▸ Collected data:
______

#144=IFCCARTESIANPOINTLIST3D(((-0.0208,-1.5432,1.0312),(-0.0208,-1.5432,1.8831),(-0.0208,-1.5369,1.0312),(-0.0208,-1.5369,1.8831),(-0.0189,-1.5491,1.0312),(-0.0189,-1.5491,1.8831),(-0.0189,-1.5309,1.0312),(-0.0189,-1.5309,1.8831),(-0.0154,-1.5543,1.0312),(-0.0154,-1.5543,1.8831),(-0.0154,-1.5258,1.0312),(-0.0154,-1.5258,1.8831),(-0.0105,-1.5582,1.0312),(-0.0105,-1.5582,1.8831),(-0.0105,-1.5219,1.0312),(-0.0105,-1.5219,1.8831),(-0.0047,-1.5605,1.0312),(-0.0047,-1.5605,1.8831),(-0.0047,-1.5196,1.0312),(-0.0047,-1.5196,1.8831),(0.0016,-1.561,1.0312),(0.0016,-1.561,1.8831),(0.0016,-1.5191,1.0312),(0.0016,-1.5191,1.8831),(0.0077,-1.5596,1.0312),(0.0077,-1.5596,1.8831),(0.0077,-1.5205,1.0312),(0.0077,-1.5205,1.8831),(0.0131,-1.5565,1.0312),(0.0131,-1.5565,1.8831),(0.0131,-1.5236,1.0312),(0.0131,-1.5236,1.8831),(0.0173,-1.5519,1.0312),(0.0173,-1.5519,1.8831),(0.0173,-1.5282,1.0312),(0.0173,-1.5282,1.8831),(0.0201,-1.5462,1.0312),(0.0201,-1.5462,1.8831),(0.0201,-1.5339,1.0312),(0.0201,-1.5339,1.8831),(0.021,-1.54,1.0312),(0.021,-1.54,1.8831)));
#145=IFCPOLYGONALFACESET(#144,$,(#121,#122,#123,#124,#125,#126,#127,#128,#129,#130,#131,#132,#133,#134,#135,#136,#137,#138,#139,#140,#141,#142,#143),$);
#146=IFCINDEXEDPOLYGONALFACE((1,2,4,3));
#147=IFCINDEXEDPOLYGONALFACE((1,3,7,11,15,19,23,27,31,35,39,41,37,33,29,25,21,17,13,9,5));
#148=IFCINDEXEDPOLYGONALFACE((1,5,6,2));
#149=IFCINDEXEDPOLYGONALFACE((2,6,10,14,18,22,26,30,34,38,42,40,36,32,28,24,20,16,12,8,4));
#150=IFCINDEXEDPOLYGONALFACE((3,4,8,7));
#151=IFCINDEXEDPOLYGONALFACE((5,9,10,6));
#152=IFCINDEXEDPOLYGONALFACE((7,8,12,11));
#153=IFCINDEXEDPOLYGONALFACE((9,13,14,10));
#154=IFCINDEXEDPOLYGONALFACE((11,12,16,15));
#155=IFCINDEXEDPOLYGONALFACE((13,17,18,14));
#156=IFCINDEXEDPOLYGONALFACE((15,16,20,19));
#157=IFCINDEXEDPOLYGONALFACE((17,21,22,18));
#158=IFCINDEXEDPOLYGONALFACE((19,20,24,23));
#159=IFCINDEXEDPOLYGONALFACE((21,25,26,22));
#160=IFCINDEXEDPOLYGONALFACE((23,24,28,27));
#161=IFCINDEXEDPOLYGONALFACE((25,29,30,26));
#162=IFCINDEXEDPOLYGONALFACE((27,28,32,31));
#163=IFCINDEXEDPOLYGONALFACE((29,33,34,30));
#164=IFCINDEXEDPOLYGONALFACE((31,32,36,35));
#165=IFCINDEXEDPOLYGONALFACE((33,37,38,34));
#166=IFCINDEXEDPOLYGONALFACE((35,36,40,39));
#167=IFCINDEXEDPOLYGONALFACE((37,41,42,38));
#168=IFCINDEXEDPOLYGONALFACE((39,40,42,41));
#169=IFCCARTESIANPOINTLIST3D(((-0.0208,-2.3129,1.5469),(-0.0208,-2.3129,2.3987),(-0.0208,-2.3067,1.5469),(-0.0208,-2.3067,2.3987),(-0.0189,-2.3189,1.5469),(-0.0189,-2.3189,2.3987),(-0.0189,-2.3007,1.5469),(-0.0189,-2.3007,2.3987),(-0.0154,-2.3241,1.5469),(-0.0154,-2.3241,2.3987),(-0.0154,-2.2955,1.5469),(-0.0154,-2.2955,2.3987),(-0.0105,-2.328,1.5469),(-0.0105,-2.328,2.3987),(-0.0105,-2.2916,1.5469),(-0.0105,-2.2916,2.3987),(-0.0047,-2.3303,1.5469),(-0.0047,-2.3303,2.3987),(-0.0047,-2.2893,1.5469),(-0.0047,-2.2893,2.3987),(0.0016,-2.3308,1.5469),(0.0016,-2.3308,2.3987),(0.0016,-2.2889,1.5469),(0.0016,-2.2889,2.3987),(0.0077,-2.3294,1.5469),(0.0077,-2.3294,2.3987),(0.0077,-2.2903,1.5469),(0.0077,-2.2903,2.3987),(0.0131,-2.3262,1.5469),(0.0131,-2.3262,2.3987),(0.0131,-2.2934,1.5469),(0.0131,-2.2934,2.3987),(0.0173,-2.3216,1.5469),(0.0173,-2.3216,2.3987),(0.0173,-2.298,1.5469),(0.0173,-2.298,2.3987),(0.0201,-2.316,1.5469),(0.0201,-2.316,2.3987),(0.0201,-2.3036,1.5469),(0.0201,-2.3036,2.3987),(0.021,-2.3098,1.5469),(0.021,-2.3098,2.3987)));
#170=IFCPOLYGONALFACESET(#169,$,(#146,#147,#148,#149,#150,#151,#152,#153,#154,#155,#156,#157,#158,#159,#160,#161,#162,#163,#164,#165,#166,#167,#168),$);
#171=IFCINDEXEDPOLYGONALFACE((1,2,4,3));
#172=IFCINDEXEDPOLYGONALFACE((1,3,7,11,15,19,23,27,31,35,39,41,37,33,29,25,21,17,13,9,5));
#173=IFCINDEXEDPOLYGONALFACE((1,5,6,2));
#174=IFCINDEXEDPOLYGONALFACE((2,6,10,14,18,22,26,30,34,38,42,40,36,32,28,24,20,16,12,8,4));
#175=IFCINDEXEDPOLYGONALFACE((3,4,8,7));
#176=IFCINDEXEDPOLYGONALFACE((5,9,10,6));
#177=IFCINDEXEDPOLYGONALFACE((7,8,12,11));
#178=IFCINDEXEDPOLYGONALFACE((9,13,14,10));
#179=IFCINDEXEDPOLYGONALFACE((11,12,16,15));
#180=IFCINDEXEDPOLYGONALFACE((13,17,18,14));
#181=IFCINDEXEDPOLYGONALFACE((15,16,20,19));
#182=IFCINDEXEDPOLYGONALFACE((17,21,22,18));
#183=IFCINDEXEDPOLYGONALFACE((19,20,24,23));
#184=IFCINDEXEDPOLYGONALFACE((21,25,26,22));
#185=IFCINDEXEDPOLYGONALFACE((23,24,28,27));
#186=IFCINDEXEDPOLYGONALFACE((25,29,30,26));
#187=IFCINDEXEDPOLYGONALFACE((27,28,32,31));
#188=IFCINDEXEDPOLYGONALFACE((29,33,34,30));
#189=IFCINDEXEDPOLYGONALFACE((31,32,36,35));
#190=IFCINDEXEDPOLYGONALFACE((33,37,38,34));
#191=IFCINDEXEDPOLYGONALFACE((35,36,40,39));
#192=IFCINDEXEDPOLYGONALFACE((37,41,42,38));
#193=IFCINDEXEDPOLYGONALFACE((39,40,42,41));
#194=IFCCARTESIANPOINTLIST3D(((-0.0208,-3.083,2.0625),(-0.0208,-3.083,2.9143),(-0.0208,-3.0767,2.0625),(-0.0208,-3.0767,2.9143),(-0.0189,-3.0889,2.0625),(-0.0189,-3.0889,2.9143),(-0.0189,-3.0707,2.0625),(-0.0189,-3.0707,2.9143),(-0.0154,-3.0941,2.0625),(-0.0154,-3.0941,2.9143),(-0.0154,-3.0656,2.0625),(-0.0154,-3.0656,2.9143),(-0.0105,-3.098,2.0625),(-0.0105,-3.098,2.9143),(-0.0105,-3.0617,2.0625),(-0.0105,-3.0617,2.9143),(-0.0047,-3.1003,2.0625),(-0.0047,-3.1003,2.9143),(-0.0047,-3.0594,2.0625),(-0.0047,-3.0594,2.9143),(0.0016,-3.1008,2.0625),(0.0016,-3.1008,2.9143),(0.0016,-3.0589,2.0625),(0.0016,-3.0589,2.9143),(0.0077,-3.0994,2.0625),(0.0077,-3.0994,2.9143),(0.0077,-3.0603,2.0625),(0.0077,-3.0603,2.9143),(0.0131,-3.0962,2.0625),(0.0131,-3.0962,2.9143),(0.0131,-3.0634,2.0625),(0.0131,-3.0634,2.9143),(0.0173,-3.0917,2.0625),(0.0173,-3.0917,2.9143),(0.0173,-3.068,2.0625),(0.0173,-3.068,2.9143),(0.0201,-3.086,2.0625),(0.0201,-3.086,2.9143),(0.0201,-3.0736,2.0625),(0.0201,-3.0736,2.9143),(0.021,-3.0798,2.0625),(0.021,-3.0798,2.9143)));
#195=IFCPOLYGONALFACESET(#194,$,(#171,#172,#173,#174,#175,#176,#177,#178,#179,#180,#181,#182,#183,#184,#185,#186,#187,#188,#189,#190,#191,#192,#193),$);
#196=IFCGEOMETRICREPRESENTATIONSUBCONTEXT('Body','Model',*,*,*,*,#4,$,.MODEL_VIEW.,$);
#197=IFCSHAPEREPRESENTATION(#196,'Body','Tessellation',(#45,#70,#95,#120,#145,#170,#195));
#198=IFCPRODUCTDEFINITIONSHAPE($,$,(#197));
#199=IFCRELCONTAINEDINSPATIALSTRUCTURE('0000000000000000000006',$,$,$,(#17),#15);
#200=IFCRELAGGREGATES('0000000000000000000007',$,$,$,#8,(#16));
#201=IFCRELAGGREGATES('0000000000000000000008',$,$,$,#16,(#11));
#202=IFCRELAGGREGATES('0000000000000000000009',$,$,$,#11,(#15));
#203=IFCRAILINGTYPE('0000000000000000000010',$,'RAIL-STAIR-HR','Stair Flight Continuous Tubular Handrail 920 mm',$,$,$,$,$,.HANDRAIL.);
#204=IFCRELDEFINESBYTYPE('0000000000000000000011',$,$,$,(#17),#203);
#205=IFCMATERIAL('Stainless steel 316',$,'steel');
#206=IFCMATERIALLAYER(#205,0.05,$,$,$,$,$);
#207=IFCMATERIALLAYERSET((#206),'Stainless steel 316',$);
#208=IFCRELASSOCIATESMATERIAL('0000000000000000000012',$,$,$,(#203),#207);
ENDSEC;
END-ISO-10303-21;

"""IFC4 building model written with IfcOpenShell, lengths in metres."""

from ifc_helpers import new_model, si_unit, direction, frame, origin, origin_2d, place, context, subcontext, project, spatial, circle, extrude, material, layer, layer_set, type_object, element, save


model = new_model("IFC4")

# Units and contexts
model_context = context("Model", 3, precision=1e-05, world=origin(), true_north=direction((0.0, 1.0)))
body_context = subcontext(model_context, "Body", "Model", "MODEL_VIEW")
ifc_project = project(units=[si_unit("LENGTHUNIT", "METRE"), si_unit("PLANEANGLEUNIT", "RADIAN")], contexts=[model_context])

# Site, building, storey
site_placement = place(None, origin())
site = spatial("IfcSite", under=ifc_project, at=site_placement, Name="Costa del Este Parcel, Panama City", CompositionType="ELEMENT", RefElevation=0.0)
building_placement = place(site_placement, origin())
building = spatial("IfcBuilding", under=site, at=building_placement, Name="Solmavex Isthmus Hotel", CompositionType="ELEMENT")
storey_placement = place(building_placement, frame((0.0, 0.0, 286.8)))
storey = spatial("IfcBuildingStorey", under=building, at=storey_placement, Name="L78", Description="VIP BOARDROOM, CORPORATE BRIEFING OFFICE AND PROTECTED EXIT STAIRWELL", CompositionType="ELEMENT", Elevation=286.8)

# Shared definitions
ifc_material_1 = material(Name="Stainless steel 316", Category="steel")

______

▸ Prompt: All that is needed is the exact run of lines above from the line containing "site_placement = place(None, origin())" through the line containing "building_placement = place(site_placement, origin())", both of them included.

▸ Your solution:
site_placement = place(None, origin())
site = spatial("IfcSite", under=ifc_project, at=site_placement, Name="Costa del Este Parcel, Panama City", CompositionType="ELEMENT", RefElevation=0.0)
building_placement = place(site_placement, origin())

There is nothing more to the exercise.